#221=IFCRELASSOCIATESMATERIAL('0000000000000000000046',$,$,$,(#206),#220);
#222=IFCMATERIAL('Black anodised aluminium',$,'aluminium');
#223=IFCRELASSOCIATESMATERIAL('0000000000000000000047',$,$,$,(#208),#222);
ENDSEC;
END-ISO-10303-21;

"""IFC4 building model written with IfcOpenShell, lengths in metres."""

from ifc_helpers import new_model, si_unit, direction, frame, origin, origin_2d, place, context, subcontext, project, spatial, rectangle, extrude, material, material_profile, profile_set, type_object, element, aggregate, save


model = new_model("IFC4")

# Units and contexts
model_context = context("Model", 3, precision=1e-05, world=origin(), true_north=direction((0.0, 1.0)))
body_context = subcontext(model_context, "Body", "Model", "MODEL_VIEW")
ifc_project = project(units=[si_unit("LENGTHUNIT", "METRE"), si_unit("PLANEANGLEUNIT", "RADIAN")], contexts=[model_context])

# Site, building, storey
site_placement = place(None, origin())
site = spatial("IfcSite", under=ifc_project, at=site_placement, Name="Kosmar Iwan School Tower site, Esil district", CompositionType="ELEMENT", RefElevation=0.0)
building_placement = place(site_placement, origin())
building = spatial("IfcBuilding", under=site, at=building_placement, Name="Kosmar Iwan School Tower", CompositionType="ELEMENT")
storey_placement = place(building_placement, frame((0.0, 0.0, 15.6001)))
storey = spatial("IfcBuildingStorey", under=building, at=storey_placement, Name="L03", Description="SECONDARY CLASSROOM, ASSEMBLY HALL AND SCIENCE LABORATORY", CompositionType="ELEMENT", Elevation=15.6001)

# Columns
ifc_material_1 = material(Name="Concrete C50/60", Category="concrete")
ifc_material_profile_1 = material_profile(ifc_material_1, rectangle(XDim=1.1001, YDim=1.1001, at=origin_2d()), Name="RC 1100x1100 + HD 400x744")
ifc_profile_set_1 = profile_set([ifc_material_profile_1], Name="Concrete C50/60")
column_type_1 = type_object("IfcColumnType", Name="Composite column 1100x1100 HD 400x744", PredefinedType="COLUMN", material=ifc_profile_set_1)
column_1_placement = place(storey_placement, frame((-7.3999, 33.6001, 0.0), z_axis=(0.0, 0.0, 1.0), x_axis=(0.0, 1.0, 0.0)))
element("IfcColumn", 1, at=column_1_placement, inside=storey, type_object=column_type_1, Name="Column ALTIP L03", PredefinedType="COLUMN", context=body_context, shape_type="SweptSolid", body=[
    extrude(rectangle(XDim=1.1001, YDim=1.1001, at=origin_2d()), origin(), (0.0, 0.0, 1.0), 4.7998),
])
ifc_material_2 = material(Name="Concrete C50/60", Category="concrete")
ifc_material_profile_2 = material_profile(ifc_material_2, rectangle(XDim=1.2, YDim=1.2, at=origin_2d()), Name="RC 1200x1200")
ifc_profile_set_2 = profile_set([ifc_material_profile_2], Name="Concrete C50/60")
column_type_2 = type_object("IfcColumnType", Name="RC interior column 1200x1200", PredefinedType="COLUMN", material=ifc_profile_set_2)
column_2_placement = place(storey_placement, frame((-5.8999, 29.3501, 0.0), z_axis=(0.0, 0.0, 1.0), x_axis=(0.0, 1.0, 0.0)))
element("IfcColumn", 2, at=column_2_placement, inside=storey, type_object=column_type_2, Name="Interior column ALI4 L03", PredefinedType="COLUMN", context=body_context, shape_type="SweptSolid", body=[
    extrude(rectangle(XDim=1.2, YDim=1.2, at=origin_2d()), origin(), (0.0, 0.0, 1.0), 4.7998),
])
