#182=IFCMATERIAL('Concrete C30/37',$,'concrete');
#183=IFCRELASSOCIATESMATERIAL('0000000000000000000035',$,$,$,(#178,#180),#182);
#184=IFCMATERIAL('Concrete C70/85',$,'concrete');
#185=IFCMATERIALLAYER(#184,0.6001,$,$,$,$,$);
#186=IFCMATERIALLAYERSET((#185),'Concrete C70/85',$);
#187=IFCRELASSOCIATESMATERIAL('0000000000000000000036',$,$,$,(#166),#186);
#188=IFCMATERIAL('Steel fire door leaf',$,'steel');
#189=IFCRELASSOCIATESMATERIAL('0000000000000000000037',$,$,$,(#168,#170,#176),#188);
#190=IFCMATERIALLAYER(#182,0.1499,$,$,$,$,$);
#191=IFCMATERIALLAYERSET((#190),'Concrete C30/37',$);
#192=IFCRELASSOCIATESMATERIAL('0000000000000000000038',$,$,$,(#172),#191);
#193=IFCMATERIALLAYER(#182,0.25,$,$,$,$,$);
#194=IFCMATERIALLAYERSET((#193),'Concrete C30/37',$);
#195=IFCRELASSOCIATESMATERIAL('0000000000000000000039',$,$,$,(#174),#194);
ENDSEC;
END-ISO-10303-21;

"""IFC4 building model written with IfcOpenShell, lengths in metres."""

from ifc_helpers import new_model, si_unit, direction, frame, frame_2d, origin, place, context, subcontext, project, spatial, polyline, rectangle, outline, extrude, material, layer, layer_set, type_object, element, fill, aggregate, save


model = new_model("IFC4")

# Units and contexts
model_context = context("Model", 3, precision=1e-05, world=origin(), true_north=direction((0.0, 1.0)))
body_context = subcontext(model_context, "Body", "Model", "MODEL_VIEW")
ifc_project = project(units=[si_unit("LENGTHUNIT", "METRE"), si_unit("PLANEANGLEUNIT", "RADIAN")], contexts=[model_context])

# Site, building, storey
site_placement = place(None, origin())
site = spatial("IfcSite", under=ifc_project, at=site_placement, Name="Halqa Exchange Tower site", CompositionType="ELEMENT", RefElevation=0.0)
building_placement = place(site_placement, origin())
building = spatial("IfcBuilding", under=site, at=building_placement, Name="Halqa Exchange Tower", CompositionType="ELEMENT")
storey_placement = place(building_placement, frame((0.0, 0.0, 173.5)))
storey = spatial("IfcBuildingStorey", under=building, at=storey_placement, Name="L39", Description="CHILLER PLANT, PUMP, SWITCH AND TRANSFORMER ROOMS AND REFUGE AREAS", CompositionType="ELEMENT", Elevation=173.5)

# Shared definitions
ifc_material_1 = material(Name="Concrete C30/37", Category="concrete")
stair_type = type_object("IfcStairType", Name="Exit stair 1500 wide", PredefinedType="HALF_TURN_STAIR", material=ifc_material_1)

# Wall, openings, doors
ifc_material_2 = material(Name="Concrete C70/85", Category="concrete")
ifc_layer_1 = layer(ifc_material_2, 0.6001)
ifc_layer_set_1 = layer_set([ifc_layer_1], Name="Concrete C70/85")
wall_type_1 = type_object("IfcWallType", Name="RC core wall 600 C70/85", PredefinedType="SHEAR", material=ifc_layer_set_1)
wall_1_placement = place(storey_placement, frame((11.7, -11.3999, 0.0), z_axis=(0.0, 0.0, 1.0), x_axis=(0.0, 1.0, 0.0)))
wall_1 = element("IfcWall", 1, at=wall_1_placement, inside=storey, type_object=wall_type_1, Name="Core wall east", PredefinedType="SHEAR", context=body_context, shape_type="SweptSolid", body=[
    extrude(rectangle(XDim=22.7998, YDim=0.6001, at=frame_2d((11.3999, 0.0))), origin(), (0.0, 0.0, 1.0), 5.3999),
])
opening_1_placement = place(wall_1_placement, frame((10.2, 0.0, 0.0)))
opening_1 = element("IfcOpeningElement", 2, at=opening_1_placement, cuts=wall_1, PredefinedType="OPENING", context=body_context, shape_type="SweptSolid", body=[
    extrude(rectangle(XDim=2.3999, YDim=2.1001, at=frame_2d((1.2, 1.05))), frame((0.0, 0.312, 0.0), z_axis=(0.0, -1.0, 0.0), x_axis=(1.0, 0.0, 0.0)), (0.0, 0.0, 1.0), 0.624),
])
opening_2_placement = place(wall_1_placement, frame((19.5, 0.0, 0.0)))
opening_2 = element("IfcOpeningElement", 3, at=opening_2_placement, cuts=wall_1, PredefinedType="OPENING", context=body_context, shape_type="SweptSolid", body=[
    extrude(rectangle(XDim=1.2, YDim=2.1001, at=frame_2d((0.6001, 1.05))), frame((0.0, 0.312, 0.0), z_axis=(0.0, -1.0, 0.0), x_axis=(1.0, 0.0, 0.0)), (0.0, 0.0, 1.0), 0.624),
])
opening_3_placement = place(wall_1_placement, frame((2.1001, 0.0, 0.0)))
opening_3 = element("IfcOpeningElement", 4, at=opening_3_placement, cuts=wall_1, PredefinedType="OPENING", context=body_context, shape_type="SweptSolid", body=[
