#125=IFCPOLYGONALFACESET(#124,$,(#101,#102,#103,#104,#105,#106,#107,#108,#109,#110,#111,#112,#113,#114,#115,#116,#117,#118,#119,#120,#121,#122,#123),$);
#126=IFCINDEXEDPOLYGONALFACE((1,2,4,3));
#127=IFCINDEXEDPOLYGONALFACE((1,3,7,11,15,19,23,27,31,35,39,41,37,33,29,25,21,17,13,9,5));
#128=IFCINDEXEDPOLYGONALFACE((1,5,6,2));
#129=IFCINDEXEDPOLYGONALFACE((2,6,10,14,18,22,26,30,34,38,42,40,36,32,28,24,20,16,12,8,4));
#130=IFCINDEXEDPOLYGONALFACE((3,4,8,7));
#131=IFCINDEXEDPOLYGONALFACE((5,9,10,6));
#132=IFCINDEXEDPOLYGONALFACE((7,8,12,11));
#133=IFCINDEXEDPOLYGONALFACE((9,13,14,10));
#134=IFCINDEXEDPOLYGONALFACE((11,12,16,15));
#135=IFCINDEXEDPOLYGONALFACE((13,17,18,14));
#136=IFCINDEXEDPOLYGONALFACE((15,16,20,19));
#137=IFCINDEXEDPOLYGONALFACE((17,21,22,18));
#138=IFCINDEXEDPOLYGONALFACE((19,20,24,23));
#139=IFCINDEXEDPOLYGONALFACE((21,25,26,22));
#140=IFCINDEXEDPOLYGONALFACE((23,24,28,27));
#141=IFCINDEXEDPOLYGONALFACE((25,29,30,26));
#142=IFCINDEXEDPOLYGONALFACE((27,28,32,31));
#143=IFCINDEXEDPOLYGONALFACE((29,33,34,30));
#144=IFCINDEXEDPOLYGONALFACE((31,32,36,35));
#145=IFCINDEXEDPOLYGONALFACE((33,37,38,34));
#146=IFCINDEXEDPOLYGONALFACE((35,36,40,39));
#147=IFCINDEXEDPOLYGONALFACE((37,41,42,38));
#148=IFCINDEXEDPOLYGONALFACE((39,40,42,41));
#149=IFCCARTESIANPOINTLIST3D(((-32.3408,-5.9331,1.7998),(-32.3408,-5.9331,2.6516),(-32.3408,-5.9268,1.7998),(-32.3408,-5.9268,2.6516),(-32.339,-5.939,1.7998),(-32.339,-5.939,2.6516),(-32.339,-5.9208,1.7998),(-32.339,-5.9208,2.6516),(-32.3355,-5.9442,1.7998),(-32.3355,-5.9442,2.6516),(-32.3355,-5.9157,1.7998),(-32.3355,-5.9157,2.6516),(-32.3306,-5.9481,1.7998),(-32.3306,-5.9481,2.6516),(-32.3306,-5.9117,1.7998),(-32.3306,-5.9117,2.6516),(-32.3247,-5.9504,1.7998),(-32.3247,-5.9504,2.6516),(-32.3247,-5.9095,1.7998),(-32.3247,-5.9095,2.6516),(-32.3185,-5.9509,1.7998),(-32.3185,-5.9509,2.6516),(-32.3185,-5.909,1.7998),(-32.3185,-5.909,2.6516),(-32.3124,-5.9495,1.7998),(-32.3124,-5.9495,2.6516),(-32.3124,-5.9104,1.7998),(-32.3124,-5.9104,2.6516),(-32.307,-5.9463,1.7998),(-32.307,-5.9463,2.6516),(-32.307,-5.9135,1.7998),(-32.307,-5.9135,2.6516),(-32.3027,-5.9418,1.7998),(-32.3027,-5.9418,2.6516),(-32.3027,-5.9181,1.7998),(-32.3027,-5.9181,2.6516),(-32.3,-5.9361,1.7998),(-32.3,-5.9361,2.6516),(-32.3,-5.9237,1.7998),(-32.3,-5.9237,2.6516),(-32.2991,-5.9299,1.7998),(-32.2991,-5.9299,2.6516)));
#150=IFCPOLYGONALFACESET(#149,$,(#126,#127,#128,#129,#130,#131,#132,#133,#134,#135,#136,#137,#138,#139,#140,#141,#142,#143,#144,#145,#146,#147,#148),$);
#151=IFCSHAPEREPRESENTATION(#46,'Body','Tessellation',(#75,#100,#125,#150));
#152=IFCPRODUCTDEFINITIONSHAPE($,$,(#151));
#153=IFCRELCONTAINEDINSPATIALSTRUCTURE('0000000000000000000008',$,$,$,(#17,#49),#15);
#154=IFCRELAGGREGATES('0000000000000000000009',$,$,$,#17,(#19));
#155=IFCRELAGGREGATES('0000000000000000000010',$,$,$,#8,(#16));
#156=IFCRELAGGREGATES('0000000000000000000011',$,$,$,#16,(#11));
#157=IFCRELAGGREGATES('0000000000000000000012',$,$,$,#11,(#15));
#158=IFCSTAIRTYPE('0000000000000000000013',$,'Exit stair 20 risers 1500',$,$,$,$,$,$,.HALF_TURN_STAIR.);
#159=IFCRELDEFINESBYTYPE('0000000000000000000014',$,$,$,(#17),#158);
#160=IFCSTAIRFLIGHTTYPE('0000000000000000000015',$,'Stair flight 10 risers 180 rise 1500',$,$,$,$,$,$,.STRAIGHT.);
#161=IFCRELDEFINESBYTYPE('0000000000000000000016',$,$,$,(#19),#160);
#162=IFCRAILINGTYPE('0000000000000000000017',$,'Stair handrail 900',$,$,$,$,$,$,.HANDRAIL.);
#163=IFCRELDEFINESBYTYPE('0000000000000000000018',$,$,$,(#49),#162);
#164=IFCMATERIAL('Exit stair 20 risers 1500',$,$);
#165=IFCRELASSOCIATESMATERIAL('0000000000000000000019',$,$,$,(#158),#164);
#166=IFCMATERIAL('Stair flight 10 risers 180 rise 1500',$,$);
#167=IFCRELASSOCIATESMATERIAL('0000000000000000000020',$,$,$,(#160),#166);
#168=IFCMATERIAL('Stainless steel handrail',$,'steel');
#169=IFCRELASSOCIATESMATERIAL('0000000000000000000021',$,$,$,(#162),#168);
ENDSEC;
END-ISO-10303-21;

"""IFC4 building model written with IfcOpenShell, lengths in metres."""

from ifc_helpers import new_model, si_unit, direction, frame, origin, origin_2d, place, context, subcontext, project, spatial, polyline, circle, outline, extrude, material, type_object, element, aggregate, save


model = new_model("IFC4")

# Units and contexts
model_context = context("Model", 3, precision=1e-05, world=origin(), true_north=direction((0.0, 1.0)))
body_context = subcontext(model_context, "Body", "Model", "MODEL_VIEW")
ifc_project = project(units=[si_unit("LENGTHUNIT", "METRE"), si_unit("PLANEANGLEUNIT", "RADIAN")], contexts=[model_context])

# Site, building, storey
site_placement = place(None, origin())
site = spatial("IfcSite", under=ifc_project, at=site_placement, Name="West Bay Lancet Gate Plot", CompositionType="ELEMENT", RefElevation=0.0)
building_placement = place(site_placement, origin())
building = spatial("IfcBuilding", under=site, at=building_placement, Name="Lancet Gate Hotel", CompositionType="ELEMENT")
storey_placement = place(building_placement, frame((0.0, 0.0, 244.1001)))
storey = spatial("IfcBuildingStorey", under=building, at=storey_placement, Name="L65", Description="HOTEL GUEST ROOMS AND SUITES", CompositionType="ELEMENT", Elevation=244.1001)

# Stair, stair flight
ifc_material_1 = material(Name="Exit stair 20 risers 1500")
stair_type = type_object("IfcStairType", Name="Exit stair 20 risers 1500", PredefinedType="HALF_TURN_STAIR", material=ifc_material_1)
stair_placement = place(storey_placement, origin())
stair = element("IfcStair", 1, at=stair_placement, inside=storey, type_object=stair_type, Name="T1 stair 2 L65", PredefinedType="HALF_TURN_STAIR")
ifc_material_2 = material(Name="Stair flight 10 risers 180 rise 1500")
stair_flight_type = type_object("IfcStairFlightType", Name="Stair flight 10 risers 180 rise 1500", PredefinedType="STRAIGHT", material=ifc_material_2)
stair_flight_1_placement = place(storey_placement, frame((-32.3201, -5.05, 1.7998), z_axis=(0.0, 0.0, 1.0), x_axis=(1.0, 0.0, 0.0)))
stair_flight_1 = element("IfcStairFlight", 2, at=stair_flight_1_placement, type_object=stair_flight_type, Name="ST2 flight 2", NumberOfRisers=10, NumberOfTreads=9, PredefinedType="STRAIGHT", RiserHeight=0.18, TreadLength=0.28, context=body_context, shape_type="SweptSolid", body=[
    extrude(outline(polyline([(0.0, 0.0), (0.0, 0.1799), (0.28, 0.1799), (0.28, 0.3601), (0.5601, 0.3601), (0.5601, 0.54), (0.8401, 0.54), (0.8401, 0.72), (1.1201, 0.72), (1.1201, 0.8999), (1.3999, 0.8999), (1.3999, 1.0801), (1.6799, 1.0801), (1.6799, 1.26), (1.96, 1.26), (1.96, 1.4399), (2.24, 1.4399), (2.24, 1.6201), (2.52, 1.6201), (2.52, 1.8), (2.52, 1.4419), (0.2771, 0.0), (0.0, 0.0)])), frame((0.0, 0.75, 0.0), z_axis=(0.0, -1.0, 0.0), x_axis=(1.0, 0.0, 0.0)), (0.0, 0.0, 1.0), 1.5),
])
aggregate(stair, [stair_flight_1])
▬▬▬▬▬▬
Give back, unchanged, the run of lines in the listing above that begins at the line containing "#142=IFCINDEXEDPOLYGONALFACE((27,28,32,31));" and ends at the line containing "#148=IFCINDEXEDPOLYGONALFACE((39,40,42,41));", both included.

WRITTEN REPLY -
#142=IFCINDEXEDPOLYGONALFACE((27,28,32,31));
#143=IFCINDEXEDPOLYGONALFACE((29,33,34,30));
#144=IFCINDEXEDPOLYGONALFACE((31,32,36,35));
#145=IFCINDEXEDPOLYGONALFACE((33,37,38,34));
#146=IFCINDEXEDPOLYGONALFACE((35,36,40,39));
#147=IFCINDEXEDPOLYGONALFACE((37,41,42,38));
#148=IFCINDEXEDPOLYGONALFACE((39,40,42,41));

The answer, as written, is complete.